Every line in the data below that has the word "IFCMATERIALLAYERSET" should be returned.

--------------------------------------------------

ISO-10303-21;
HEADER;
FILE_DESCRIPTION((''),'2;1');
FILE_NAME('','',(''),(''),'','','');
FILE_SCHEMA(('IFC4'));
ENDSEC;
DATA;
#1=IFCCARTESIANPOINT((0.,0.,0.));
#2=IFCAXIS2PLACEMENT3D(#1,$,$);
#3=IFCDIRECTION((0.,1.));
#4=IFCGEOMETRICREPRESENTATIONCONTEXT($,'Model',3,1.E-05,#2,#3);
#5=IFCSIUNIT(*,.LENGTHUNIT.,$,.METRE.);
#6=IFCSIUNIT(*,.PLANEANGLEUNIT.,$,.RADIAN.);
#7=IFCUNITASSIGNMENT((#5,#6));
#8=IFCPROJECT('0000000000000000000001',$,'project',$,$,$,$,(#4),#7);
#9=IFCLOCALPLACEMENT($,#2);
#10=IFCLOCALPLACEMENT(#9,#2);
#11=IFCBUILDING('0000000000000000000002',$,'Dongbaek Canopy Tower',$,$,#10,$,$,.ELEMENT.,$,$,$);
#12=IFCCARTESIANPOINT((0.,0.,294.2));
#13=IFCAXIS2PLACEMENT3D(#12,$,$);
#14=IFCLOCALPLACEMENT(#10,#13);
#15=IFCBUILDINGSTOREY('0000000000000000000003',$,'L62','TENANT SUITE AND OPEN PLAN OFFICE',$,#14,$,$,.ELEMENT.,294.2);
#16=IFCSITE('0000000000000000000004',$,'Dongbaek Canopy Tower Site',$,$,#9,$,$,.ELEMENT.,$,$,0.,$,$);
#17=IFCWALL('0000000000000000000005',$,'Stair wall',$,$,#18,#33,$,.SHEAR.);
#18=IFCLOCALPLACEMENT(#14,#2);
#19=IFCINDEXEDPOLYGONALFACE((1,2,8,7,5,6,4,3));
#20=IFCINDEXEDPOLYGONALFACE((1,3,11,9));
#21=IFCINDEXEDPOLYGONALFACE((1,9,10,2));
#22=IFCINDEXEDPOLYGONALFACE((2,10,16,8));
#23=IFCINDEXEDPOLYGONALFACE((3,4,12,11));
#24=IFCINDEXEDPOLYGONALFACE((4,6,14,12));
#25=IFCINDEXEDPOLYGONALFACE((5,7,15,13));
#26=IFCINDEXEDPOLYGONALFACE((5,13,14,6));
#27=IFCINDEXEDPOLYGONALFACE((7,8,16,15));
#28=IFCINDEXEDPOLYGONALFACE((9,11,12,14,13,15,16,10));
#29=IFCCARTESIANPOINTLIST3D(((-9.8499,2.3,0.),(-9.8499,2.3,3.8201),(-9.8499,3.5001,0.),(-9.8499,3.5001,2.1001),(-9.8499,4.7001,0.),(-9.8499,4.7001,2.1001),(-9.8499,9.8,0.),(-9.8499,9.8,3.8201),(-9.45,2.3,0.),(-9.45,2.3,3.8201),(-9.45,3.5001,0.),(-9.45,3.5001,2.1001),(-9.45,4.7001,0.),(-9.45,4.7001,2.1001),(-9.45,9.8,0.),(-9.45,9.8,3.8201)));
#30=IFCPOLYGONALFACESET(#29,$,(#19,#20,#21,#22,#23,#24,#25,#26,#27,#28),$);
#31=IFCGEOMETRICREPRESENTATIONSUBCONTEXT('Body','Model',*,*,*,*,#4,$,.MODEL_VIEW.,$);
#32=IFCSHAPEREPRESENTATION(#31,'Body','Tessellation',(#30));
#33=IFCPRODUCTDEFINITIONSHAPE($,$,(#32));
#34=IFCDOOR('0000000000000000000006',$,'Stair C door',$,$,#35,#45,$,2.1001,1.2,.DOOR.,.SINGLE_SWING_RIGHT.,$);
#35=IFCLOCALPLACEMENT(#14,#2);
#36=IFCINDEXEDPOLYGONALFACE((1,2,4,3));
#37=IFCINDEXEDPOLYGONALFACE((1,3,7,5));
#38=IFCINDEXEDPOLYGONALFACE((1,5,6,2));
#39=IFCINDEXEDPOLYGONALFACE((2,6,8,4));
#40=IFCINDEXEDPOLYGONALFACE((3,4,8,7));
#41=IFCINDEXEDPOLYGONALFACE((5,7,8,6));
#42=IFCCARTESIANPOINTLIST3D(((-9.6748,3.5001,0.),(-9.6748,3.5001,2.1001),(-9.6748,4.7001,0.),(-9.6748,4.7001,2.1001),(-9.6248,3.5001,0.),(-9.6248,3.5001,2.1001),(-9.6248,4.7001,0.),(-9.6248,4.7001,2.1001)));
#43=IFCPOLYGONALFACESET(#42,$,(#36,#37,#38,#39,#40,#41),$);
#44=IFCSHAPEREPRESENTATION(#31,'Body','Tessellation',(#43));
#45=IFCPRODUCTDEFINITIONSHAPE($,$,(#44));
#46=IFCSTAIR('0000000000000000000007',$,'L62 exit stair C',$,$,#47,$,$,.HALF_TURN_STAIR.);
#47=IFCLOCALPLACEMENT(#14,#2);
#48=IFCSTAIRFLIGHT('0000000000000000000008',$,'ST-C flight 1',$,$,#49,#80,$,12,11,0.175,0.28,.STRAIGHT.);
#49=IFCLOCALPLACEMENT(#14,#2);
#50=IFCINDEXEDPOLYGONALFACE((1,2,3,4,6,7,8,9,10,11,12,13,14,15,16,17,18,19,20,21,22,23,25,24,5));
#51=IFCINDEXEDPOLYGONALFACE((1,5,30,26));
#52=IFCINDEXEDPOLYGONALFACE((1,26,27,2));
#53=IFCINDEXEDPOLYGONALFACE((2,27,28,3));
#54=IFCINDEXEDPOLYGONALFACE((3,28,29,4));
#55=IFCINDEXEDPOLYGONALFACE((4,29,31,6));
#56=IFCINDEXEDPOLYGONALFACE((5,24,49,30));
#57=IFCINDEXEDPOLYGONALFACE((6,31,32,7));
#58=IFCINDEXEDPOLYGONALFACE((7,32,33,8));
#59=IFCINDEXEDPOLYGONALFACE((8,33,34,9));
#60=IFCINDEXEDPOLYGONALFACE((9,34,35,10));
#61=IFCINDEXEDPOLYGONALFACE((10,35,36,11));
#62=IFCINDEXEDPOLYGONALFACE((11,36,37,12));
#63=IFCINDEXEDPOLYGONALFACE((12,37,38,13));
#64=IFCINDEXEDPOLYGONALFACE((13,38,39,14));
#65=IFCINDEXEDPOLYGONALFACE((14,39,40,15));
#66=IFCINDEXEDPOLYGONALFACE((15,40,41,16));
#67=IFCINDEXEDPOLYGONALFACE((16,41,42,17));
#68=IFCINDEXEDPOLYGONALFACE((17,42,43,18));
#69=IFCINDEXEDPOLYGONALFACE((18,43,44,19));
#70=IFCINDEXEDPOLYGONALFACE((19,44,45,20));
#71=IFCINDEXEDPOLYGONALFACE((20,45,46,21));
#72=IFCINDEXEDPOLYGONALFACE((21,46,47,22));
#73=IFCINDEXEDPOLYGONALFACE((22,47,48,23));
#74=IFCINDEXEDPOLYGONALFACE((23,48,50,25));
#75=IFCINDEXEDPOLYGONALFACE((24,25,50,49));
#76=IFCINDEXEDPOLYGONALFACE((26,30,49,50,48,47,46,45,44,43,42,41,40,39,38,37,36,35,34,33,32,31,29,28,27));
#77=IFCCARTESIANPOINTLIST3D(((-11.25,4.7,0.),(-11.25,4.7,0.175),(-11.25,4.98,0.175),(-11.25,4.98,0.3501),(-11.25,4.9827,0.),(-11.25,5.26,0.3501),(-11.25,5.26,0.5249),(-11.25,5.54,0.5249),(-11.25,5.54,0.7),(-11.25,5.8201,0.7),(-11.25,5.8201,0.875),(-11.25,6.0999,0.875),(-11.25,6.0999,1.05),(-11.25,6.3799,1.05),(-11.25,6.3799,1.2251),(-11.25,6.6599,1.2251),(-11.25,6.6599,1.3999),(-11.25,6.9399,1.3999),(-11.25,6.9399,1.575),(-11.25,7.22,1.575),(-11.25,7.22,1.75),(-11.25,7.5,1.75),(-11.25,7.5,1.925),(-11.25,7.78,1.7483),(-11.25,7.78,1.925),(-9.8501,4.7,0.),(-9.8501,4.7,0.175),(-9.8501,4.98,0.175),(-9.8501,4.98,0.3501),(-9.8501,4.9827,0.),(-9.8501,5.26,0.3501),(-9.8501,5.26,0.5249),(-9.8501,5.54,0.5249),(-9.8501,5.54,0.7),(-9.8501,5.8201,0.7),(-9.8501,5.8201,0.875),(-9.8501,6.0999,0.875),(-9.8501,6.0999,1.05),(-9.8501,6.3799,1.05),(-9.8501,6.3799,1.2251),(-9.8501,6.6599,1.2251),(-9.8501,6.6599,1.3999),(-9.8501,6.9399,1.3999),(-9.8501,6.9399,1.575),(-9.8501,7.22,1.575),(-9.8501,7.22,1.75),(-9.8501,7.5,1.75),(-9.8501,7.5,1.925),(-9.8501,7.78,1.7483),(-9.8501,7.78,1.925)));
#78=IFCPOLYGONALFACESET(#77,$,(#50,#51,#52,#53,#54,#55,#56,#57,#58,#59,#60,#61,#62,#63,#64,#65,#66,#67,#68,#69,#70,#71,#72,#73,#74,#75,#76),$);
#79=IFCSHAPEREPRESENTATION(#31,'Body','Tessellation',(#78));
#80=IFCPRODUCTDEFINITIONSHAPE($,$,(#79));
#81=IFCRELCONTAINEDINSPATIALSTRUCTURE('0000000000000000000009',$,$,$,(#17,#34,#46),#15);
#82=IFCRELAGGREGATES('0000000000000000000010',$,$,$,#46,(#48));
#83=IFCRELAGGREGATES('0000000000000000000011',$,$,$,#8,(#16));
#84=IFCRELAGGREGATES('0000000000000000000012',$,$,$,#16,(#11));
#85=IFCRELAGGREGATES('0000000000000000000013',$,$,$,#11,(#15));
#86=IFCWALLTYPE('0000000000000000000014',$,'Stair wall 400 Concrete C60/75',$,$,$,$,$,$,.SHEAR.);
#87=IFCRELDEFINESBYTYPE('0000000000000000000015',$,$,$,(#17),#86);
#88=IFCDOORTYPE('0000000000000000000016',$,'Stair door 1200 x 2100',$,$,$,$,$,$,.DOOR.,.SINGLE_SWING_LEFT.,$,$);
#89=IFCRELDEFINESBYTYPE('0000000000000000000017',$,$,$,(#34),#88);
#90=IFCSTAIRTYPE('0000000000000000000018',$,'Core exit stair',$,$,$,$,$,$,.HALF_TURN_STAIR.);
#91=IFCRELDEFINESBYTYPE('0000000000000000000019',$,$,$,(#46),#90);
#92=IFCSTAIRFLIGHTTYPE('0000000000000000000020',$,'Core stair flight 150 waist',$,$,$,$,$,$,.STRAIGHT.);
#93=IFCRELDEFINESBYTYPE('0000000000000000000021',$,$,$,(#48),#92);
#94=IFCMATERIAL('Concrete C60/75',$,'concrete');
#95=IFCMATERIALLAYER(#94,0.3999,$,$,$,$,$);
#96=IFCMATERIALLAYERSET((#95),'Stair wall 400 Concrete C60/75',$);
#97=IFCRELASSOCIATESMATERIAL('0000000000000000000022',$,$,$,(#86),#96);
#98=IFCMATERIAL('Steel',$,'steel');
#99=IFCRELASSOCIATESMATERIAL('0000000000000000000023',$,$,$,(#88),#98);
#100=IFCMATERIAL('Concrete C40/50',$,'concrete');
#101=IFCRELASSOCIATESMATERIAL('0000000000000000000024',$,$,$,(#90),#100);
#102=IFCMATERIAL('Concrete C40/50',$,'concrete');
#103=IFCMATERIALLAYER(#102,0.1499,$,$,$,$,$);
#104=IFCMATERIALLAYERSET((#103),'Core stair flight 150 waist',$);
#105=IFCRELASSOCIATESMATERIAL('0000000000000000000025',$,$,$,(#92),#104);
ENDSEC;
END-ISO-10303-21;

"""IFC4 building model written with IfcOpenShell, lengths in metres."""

from ifc_helpers import new_model, si_unit, direction, frame, frame_2d, origin, place, context, subcontext, project, spatial, polyline, rectangle, outline, extrude, material, layer, layer_set, type_object, element, fill, aggregate, save


model = new_model("IFC4")

# Units and contexts
model_context = context("Model", 3, precision=1e-05, world=origin(), true_north=direction((0.0, 1.0)))
body_context = subcontext(model_context, "Body", "Model", "MODEL_VIEW")
ifc_project = project(units=[si_unit("LENGTHUNIT", "METRE"), si_unit("PLANEANGLEUNIT", "RADIAN")], contexts=[model_context])

# Site, building, storey
site_placement = place(None, origin())
site = spatial("IfcSite", under=ifc_project, at=site_placement, Name="Dongbaek Canopy Tower Site", CompositionType="ELEMENT", RefElevation=0.0)
building_placement = place(site_placement, origin())
building = spatial("IfcBuilding", under=site, at=building_placement, Name="Dongbaek Canopy Tower", CompositionType="ELEMENT")
storey_placement = place(building_placement, frame((0.0, 0.0, 294.2)))
storey = spatial("IfcBuildingStorey", under=building, at=storey_placement, Name="L62", Description="TENANT SUITE AND OPEN PLAN OFFICE", CompositionType="ELEMENT", Elevation=294.2)

# Wall, opening, door
ifc_material_1 = material(Name="Concrete C60/75", Category="concrete")
ifc_layer_1 = layer(ifc_material_1, 0.3999)
ifc_layer_set_1 = layer_set([ifc_layer_1], Name="Stair wall 400 Concrete C60/75")
wall_type_1 = type_object("IfcWallType", Name="Stair wall 400 Concrete C60/75", PredefinedType="SHEAR", material=ifc_layer_set_1)
wall_1_placement = place(storey_placement, frame((-9.6499, 2.3, 0.0), z_axis=(0.0, 0.0, 1.0), x_axis=(0.0, 1.0, 0.0)))
wall_1 = element("IfcWall", 1, at=wall_1_placement, inside=storey, type_object=wall_type_1, Name="Stair wall", PredefinedType="SHEAR", context=body_context, shape_type="SweptSolid", body=[
    extrude(rectangle(XDim=7.5, YDim=0.3999, at=frame_2d((3.75, 0.0))), origin(), (0.0, 0.0, 1.0), 3.8201),
])
opening_1_placement = place(wall_1_placement, frame((1.2, 0.0, 0.0)))
opening_1 = element("IfcOpeningElement", 2, at=opening_1_placement, cuts=wall_1, PredefinedType="OPENING", context=body_context, shape_type="SweptSolid", body=[
    extrude(rectangle(XDim=1.2, YDim=2.1001, at=frame_2d((0.6001, 1.05))), frame((0.0, 0.21, 0.0), z_axis=(0.0, -1.0, 0.0), x_axis=(1.0, 0.0, 0.0)), (0.0, 0.0, 1.0), 0.4199),
])
ifc_material_2 = material(Name="Steel", Category="steel")
door_type_1 = type_object("IfcDoorType", Name="Stair door 1200 x 2100", OperationType="SINGLE_SWING_LEFT", PredefinedType="DOOR", material=ifc_material_2)
door_1_placement = place(opening_1_placement, origin())
door_1 = element("IfcDoor", 3, at=door_1_placement, inside=storey, type_object=door_type_1, Name="Stair C door", OperationType="SINGLE_SWING_RIGHT", OverallHeight=2.1001, OverallWidth=1.2, PredefinedType="DOOR", context=body_context, shape_type="SweptSolid", body=[
    extrude(rectangle(XDim=1.2, YDim=2.1001, at=frame_2d((0.6001, 1.05))), frame((0.0, 0.0249, 0.0), z_axis=(0.0, -1.0, 0.0), x_axis=(1.0, 0.0, 0.0)), (0.0, 0.0, 1.0), 0.05),
])
fill(opening_1, door_1)

# Stair, stair flight
ifc_material_3 = material(Name="Concrete C40/50", Category="concrete")
stair_type = type_object("IfcStairType", Name="Core exit stair", PredefinedType="HALF_TURN_STAIR", material=ifc_material_3)
stair_placement = place(storey_placement, origin())
stair = element("IfcStair", 4, at=stair_placement, inside=storey, type_object=stair_type, Name="L62 exit stair C", PredefinedType="HALF_TURN_STAIR")
ifc_material_4 = material(Name="Concrete C40/50", Category="concrete")
ifc_layer_2 = layer(ifc_material_4, 0.1499)
ifc_layer_set_2 = layer_set([ifc_layer_2], Name="Core stair flight 150 waist")
stair_flight_type = type_object("IfcStairFlightType", Name="Core stair flight 150 waist", PredefinedType="STRAIGHT", material=ifc_layer_set_2)
stair_flight_placement = place(storey_placement, frame((-10.55, 4.7, 0.0), z_axis=(0.0, 0.0, 1.0), x_axis=(0.0, 1.0, 0.0)))
stair_flight = element("IfcStairFlight", 5, at=stair_flight_placement, type_object=stair_flight_type, Name="ST-C flight 1", NumberOfRisers=12, NumberOfTreads=11, PredefinedType="STRAIGHT", RiserHeight=0.175, TreadLength=0.28, context=body_context, shape_type="SweptSolid", body=[
    extrude(outline(polyline([(0.0, 0.0), (0.0, 0.175), (0.28, 0.175), (0.28, 0.3501), (0.5601, 0.3501), (0.5601, 0.5249), (0.8401, 0.5249), (0.8401, 0.7), (1.1201, 0.7), (1.1201, 0.875), (1.3999, 0.875), (1.3999, 1.05), (1.6799, 1.05), (1.6799, 1.2251), (1.96, 1.2251), (1.96, 1.3999), (2.24, 1.3999), (2.24, 1.575), (2.52, 1.575), (2.52, 1.75), (2.8, 1.75), (2.8, 1.925), (3.0801, 1.925), (3.0801, 2.1001), (3.0801, 1.7483), (0.2827, 0.0), (0.0, 0.0)])), frame((0.0, 0.7, 0.0), z_axis=(0.0, -1.0, 0.0), x_axis=(1.0, 0.0, 0.0)), (0.0, 0.0, 1.0), 1.3999),
])
aggregate(stair, [stair_flight])

save(model, "model.ifc")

--------------------------------------------------

■ **Response to this task**
#96=IFCMATERIALLAYERSET((#95),'Stair wall 400 Concrete C60/75',$);
#104=IFCMATERIALLAYERSET((#103),'Core stair flight 150 waist',$);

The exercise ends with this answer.